What is needed => Copy word for word the lines from the start of the records through the line that contains "x_axis=(-0.988876, 0.148745, 0.0)))", both included.

[Items listed in a dataset]
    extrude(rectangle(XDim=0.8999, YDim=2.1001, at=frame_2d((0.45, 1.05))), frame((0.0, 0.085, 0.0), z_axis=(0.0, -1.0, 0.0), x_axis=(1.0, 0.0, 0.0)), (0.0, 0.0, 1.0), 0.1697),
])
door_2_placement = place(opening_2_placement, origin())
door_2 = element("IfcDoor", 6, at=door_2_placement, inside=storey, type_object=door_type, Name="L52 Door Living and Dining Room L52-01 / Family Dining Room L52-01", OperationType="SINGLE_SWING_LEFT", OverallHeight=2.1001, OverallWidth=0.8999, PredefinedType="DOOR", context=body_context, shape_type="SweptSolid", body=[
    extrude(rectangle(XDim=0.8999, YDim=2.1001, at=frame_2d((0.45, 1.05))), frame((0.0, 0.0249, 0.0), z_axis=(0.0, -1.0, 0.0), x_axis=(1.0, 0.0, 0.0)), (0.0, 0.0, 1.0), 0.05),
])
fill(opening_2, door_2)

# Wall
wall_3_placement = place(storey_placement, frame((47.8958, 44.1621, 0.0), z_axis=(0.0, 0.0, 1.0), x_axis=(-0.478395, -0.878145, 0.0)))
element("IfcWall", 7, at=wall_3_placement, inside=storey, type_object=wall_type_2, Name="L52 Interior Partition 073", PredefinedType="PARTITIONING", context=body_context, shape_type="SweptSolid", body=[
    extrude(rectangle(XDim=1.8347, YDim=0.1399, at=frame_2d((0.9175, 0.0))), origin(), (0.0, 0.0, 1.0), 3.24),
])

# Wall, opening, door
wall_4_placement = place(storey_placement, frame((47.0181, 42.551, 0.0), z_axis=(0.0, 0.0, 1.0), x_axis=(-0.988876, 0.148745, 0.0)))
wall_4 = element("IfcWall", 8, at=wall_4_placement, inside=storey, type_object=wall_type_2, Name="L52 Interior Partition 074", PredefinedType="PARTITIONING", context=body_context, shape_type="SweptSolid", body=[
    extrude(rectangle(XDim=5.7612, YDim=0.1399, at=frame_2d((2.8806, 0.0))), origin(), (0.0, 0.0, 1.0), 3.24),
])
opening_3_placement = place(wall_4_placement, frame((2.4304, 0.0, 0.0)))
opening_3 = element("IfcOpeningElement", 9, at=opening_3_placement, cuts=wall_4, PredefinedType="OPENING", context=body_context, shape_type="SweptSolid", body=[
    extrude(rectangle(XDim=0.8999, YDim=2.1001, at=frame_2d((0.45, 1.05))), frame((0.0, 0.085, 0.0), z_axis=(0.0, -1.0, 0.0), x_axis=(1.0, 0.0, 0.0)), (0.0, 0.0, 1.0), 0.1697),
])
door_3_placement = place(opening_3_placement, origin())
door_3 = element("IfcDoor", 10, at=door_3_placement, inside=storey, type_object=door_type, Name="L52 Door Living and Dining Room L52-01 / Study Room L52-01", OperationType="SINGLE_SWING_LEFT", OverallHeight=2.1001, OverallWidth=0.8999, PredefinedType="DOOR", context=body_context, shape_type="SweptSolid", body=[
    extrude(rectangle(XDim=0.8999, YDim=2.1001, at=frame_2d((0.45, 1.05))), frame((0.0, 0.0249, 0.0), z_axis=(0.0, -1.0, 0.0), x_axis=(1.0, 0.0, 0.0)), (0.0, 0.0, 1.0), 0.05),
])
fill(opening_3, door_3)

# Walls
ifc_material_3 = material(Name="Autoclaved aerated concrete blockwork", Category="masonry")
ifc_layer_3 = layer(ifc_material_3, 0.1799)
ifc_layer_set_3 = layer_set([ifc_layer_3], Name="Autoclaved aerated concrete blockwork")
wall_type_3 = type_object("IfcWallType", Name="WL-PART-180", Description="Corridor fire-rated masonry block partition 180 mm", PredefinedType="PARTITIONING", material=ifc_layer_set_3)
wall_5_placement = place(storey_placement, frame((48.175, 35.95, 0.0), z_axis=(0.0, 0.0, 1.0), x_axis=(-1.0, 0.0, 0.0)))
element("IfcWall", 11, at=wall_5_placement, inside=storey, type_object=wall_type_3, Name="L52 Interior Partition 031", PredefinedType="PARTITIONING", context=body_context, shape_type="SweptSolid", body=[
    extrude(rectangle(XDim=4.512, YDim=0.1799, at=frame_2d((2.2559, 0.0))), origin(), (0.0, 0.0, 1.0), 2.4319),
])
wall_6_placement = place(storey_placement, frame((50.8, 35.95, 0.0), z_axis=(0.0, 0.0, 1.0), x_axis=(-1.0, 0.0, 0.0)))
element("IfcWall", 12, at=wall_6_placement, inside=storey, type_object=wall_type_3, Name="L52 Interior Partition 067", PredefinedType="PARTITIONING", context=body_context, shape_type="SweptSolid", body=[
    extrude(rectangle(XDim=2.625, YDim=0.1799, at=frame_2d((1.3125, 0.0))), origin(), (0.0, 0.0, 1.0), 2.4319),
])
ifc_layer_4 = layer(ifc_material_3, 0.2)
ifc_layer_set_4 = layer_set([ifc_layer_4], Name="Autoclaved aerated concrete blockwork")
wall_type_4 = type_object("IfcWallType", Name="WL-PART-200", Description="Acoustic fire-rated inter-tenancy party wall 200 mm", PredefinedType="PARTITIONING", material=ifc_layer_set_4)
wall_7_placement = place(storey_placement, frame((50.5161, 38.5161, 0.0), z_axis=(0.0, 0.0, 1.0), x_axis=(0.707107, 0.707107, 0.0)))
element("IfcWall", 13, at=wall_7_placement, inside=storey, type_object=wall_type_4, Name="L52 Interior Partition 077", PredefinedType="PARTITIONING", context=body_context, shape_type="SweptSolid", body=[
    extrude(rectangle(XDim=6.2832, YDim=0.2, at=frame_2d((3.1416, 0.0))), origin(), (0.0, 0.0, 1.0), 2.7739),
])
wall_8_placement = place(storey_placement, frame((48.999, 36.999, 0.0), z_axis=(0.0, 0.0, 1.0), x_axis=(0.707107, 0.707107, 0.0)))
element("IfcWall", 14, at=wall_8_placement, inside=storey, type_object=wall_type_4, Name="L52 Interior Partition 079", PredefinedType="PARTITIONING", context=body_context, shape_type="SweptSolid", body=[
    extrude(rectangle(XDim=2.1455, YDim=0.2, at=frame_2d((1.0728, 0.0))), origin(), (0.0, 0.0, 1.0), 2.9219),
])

Task response =>
    extrude(rectangle(XDim=0.8999, YDim=2.1001, at=frame_2d((0.45, 1.05))), frame((0.0, 0.085, 0.0), z_axis=(0.0, -1.0, 0.0), x_axis=(1.0, 0.0, 0.0)), (0.0, 0.0, 1.0), 0.1697),
])
door_2_placement = place(opening_2_placement, origin())
door_2 = element("IfcDoor", 6, at=door_2_placement, inside=storey, type_object=door_type, Name="L52 Door Living and Dining Room L52-01 / Family Dining Room L52-01", OperationType="SINGLE_SWING_LEFT", OverallHeight=2.1001, OverallWidth=0.8999, PredefinedType="DOOR", context=body_context, shape_type="SweptSolid", body=[
    extrude(rectangle(XDim=0.8999, YDim=2.1001, at=frame_2d((0.45, 1.05))), frame((0.0, 0.0249, 0.0), z_axis=(0.0, -1.0, 0.0), x_axis=(1.0, 0.0, 0.0)), (0.0, 0.0, 1.0), 0.05),
])
fill(opening_2, door_2)

# Wall
wall_3_placement = place(storey_placement, frame((47.8958, 44.1621, 0.0), z_axis=(0.0, 0.0, 1.0), x_axis=(-0.478395, -0.878145, 0.0)))
element("IfcWall", 7, at=wall_3_placement, inside=storey, type_object=wall_type_2, Name="L52 Interior Partition 073", PredefinedType="PARTITIONING", context=body_context, shape_type="SweptSolid", body=[
    extrude(rectangle(XDim=1.8347, YDim=0.1399, at=frame_2d((0.9175, 0.0))), origin(), (0.0, 0.0, 1.0), 3.24),
])

# Wall, opening, door
wall_4_placement = place(storey_placement, frame((47.0181, 42.551, 0.0), z_axis=(0.0, 0.0, 1.0), x_axis=(-0.988876, 0.148745, 0.0)))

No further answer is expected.